Content starts
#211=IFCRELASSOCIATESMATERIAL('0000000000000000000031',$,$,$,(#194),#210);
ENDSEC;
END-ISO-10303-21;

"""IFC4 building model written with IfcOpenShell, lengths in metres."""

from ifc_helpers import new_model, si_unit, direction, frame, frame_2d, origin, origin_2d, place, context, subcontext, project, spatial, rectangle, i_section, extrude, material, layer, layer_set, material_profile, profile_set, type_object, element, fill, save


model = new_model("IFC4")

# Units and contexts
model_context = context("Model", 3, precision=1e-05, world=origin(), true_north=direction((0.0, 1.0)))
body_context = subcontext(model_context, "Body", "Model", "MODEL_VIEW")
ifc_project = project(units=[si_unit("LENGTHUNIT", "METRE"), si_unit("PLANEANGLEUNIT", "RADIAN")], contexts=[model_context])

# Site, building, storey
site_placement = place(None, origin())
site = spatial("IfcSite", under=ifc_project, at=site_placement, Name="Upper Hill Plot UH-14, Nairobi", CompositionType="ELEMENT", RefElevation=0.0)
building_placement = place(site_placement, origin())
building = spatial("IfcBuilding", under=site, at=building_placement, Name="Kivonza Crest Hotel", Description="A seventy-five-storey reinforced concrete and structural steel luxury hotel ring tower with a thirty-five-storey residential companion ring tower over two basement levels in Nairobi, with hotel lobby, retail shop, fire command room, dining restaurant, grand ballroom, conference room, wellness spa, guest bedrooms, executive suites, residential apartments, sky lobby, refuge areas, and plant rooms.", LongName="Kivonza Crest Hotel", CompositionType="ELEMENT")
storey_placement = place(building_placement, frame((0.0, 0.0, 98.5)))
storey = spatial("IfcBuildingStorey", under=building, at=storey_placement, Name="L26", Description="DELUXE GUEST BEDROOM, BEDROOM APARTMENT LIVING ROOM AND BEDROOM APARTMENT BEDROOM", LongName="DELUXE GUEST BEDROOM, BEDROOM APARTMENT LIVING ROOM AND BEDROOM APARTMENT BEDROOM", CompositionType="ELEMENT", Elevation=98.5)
Content ends
With the material above as the source, restate each line word for word.

#211=IFCRELASSOCIATESMATERIAL('0000000000000000000031',$,$,$,(#194),#210);
ENDSEC;
END-ISO-10303-21;

"""IFC4 building model written with IfcOpenShell, lengths in metres."""

from ifc_helpers import new_model, si_unit, direction, frame, frame_2d, origin, origin_2d, place, context, subcontext, project, spatial, rectangle, i_section, extrude, material, layer, layer_set, material_profile, profile_set, type_object, element, fill, save


model = new_model("IFC4")

# Units and contexts
model_context = context("Model", 3, precision=1e-05, world=origin(), true_north=direction((0.0, 1.0)))
body_context = subcontext(model_context, "Body", "Model", "MODEL_VIEW")
ifc_project = project(units=[si_unit("LENGTHUNIT", "METRE"), si_unit("PLANEANGLEUNIT", "RADIAN")], contexts=[model_context])

# Site, building, storey
site_placement = place(None, origin())
site = spatial("IfcSite", under=ifc_project, at=site_placement, Name="Upper Hill Plot UH-14, Nairobi", CompositionType="ELEMENT", RefElevation=0.0)
building_placement = place(site_placement, origin())
building = spatial("IfcBuilding", under=site, at=building_placement, Name="Kivonza Crest Hotel", Description="A seventy-five-storey reinforced concrete and structural steel luxury hotel ring tower with a thirty-five-storey residential companion ring tower over two basement levels in Nairobi, with hotel lobby, retail shop, fire command room, dining restaurant, grand ballroom, conference room, wellness spa, guest bedrooms, executive suites, residential apartments, sky lobby, refuge areas, and plant rooms.", LongName="Kivonza Crest Hotel", CompositionType="ELEMENT")
storey_placement = place(building_placement, frame((0.0, 0.0, 98.5)))
storey = spatial("IfcBuildingStorey", under=building, at=storey_placement, Name="L26", Description="DELUXE GUEST BEDROOM, BEDROOM APARTMENT LIVING ROOM AND BEDROOM APARTMENT BEDROOM", LongName="DELUXE GUEST BEDROOM, BEDROOM APARTMENT LIVING ROOM AND BEDROOM APARTMENT BEDROOM", CompositionType="ELEMENT", Elevation=98.5)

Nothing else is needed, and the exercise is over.